• [WHAT IS REQUIRED]: Repeat nothing but the lines below running from the one containing "#147=IFCMATERIALLAYER(#146,0.2,$,$,$,$,$);" to the one containing "#154=IFCMATERIALLAYER(#153,0.0281,$,$,$,$,$);". Keep both end lines.

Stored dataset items

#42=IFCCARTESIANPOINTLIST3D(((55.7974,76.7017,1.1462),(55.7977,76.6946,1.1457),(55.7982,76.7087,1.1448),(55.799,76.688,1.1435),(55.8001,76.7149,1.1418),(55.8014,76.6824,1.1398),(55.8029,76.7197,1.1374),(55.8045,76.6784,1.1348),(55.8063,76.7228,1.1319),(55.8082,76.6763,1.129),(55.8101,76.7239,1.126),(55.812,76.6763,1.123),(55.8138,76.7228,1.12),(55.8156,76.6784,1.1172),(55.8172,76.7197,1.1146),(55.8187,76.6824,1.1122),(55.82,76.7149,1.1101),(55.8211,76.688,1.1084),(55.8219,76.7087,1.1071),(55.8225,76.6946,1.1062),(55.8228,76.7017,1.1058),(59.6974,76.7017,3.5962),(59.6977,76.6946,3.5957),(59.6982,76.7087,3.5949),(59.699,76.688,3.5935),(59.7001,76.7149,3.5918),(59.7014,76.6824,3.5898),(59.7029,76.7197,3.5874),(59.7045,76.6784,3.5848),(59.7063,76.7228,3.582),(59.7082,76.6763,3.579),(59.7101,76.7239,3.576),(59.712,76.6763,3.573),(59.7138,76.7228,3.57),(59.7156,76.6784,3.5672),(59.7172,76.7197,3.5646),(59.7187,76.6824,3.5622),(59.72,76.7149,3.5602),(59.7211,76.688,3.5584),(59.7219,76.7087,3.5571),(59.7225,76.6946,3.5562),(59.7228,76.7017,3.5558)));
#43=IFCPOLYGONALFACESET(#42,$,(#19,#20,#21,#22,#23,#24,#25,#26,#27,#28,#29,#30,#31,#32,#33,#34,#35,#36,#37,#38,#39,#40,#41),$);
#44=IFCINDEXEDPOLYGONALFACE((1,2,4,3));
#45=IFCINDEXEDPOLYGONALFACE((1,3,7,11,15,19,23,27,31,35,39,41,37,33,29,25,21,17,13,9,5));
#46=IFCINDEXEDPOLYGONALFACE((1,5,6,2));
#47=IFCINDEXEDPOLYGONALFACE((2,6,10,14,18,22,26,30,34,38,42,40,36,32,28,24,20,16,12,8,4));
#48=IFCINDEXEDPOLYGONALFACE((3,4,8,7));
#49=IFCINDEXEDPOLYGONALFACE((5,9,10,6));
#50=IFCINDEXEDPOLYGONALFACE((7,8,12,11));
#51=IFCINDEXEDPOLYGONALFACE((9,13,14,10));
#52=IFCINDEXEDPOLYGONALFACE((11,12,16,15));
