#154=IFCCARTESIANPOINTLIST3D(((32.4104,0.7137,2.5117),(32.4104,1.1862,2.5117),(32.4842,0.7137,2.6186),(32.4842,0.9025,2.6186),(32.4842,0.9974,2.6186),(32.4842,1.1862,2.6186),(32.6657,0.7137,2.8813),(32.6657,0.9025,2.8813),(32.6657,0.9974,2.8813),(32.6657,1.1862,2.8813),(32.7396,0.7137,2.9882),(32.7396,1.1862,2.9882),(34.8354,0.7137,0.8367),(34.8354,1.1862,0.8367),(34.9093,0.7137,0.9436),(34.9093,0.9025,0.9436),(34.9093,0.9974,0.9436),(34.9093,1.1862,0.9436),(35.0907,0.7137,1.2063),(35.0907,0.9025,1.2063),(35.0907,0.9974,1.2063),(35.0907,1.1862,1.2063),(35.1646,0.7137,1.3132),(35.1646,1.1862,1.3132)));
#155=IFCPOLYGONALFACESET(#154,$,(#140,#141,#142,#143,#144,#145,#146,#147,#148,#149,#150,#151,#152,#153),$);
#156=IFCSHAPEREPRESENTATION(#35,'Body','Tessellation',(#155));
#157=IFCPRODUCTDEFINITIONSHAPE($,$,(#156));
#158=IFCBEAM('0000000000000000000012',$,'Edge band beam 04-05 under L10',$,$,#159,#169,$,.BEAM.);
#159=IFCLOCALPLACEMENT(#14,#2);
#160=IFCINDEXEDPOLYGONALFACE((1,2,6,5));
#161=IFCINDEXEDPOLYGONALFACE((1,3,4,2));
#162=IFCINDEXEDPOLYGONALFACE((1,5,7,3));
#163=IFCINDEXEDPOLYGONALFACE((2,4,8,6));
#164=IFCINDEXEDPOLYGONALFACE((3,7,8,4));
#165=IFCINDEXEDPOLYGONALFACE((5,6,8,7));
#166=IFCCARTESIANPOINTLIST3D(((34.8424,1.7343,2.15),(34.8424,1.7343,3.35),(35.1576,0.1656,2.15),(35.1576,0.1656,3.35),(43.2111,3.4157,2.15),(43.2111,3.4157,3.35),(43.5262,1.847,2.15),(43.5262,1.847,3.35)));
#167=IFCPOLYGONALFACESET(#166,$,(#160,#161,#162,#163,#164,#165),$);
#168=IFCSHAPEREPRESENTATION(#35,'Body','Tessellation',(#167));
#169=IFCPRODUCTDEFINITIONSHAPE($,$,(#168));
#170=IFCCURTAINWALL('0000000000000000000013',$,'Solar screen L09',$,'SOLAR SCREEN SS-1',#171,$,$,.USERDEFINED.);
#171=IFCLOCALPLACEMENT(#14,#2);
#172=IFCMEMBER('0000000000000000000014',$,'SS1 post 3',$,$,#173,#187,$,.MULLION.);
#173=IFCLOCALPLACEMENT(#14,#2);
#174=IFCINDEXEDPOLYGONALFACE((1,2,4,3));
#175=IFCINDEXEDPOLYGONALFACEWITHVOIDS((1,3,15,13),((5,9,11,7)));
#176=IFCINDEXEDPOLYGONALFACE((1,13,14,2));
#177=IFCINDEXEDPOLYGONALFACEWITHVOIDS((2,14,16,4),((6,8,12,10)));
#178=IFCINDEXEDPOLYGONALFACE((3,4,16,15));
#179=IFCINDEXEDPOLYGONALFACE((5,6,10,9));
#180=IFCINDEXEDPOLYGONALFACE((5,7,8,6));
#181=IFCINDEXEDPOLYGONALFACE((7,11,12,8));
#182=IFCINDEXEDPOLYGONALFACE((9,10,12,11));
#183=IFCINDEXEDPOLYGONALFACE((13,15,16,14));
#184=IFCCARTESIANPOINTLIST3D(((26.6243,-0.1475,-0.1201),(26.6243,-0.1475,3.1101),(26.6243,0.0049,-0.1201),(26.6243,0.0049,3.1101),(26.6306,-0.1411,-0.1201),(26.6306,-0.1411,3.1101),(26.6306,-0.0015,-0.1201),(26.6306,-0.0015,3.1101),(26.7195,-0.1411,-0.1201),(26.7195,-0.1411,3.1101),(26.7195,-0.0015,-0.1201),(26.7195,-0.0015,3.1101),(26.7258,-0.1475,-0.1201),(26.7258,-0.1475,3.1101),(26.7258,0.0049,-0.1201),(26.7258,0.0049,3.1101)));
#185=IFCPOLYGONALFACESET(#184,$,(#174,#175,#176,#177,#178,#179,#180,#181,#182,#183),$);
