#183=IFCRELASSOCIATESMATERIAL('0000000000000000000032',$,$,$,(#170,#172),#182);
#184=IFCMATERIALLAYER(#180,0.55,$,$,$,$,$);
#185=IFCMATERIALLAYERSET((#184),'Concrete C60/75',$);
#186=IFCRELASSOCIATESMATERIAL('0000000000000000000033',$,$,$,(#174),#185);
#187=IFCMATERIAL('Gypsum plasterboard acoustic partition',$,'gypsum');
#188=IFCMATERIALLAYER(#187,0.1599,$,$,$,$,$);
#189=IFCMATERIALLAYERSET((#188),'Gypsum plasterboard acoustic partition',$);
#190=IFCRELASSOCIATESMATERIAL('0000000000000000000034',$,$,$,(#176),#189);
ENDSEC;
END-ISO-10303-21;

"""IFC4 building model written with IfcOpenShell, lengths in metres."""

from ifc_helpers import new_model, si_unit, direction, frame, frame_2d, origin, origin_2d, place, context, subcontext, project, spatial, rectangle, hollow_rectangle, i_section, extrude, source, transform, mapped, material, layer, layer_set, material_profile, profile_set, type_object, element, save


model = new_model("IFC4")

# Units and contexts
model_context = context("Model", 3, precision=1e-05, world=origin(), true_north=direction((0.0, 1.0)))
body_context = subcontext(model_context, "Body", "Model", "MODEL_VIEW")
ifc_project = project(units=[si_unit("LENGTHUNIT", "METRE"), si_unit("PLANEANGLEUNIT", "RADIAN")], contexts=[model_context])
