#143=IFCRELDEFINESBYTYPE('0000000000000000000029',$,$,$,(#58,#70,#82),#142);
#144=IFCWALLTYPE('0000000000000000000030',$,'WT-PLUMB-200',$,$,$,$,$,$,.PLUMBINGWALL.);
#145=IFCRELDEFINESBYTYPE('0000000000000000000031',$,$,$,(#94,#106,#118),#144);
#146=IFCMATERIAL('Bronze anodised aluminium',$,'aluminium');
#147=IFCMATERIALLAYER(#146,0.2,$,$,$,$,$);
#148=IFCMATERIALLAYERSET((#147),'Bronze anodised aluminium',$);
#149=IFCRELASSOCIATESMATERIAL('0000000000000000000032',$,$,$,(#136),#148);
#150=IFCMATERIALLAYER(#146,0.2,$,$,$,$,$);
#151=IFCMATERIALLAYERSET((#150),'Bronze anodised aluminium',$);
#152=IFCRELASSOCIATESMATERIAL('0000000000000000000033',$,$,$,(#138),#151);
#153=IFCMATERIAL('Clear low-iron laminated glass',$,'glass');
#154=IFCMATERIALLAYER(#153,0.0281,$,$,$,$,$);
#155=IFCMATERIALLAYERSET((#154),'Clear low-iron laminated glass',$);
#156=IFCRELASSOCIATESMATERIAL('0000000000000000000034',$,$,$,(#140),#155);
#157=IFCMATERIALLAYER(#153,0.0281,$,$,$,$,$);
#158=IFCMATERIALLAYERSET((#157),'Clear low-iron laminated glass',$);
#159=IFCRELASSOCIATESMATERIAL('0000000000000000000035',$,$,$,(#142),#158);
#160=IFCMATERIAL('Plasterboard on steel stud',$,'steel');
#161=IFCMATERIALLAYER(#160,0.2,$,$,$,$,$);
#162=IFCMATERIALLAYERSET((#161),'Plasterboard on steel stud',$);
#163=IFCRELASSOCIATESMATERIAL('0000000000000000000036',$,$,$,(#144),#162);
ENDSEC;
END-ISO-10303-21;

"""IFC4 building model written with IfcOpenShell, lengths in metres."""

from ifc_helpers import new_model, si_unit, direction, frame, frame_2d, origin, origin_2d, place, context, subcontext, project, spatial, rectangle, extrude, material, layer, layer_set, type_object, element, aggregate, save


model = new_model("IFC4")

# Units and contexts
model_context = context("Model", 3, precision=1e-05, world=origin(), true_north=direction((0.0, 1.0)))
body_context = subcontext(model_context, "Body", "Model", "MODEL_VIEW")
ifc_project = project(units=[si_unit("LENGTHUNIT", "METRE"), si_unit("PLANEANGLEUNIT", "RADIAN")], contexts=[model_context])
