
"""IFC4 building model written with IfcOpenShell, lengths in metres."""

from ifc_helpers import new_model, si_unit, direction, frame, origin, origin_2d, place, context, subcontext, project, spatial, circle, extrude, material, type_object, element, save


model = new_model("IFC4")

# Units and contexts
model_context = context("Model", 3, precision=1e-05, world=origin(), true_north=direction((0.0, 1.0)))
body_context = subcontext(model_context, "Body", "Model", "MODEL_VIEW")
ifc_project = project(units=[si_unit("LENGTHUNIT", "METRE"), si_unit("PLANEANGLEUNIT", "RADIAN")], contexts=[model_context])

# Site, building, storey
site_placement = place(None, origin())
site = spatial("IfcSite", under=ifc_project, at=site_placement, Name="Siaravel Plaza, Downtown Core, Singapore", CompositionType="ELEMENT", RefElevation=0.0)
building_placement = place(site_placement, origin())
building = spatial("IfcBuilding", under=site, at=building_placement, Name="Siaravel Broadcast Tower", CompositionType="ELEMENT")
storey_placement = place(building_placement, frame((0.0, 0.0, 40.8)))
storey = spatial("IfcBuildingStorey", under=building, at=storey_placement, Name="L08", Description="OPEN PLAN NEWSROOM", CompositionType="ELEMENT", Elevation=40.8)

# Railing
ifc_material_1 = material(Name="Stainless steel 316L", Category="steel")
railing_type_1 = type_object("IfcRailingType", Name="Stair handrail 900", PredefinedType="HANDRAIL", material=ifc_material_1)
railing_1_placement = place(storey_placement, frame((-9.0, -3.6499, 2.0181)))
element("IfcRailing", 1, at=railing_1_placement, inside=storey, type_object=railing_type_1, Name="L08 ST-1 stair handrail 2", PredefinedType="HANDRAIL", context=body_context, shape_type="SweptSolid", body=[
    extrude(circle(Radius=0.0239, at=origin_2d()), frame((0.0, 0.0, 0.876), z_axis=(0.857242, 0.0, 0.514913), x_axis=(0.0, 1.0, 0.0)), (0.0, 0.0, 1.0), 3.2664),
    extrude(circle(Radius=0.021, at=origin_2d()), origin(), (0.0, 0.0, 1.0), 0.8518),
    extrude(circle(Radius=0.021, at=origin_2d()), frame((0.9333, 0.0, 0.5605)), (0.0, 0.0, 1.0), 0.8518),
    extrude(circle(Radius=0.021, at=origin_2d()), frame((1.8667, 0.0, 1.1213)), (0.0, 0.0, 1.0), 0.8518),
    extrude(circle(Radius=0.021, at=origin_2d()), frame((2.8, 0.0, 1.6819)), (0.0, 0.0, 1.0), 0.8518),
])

• [COMPLETED EXERCISE]:
#147=IFCMATERIALLAYER(#146,0.2,$,$,$,$,$);
#148=IFCMATERIALLAYERSET((#147),'Bronze anodised aluminium',$);
#149=IFCRELASSOCIATESMATERIAL('0000000000000000000032',$,$,$,(#136),#148);
#150=IFCMATERIALLAYER(#146,0.2,$,$,$,$,$);
#151=IFCMATERIALLAYERSET((#150),'Bronze anodised aluminium',$);
#152=IFCRELASSOCIATESMATERIAL('0000000000000000000033',$,$,$,(#138),#151);
#153=IFCMATERIAL('Clear low-iron laminated glass',$,'glass');
#154=IFCMATERIALLAYER(#153,0.0281,$,$,$,$,$);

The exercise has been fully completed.